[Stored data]
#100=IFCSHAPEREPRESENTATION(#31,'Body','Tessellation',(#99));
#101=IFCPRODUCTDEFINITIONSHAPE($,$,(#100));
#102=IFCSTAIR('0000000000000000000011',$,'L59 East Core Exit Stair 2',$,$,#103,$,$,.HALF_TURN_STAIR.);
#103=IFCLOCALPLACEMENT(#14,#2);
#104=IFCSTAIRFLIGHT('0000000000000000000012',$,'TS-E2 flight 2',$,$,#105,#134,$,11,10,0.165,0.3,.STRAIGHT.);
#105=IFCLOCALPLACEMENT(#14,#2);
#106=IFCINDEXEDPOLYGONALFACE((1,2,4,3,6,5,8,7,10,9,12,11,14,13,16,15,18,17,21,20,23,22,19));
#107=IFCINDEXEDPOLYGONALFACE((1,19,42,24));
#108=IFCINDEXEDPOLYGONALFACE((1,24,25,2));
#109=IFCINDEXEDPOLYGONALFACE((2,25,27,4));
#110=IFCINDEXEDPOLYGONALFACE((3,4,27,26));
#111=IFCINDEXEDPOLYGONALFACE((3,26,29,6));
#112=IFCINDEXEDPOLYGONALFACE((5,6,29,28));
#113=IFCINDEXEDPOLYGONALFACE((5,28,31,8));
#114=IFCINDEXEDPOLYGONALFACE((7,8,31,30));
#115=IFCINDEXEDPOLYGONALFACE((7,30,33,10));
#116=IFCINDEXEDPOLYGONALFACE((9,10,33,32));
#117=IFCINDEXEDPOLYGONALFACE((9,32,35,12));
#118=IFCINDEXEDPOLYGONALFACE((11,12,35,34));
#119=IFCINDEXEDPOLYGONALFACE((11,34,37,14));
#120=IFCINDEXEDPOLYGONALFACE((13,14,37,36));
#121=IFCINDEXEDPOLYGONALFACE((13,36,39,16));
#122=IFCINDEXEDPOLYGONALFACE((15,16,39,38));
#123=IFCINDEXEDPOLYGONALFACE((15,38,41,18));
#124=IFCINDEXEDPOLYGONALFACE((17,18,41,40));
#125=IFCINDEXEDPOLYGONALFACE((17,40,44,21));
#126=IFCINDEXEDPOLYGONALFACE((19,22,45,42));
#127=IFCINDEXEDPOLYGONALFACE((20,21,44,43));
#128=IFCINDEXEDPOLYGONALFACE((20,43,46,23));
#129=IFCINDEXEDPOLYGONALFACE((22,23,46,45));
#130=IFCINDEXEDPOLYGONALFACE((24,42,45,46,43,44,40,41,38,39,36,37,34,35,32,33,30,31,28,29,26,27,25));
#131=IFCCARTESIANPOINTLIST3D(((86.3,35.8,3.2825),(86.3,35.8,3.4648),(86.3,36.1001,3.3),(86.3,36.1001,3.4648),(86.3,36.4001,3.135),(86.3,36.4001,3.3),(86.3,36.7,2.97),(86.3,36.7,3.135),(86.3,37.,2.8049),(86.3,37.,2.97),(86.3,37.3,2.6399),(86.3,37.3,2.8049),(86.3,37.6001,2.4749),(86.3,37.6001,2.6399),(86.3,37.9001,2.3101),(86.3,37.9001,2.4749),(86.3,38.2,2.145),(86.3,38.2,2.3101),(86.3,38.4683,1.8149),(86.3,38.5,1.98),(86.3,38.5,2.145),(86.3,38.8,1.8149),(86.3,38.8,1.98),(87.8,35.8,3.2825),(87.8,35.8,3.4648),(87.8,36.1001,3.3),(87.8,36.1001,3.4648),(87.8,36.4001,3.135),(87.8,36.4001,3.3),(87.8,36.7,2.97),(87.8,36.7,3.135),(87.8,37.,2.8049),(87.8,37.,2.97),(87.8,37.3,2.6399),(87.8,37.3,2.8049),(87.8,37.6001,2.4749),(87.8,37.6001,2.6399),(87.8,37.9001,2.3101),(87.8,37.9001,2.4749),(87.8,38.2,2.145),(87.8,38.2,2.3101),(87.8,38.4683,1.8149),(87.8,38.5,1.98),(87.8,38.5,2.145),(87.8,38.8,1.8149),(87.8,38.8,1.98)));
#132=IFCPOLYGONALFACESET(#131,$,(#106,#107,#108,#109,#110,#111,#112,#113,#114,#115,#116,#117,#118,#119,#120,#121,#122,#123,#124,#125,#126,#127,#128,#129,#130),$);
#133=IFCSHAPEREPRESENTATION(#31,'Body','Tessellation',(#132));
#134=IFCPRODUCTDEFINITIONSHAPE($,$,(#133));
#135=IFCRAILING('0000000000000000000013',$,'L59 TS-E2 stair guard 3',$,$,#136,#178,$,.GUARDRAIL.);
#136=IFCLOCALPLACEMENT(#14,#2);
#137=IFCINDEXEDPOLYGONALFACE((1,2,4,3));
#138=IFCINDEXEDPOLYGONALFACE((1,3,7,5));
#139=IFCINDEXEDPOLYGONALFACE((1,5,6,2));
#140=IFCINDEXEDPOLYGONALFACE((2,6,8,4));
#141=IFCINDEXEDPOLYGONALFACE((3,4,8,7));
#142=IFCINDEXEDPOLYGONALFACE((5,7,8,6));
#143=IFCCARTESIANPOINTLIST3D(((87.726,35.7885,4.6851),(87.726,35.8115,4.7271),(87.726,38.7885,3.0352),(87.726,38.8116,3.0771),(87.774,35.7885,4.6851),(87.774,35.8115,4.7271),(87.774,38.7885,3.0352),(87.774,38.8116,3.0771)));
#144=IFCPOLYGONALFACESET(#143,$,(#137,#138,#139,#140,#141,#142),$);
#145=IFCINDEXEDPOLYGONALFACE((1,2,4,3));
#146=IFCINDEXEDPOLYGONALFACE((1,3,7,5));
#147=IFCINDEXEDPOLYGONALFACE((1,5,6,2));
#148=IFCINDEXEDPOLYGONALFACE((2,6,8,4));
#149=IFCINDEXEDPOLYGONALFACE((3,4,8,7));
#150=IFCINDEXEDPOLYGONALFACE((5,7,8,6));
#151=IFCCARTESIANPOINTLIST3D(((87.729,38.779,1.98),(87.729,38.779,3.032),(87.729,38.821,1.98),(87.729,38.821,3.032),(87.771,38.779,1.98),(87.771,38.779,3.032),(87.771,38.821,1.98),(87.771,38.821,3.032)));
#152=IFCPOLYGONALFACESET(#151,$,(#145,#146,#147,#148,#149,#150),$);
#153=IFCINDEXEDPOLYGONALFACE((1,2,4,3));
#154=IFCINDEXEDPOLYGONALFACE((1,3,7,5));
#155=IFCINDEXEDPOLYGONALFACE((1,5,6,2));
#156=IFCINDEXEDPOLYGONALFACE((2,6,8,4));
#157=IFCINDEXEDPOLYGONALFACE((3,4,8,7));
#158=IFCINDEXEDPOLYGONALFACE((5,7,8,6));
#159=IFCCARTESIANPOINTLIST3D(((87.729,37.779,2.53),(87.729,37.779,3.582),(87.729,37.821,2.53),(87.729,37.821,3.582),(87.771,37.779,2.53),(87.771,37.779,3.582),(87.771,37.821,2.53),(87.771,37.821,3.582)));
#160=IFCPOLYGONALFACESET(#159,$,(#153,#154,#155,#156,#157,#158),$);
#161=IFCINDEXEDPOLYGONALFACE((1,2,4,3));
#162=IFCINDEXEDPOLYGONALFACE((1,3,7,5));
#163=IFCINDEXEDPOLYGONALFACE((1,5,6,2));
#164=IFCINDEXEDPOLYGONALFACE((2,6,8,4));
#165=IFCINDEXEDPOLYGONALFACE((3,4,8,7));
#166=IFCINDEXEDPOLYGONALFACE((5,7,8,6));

- **How to complete this task**
Examine the records and pull out every line where the string "IFCSHAPEREPRESENTATION" occurs.

- **Response to the exercise**
#100=IFCSHAPEREPRESENTATION(#31,'Body','Tessellation',(#99));
#133=IFCSHAPEREPRESENTATION(#31,'Body','Tessellation',(#132));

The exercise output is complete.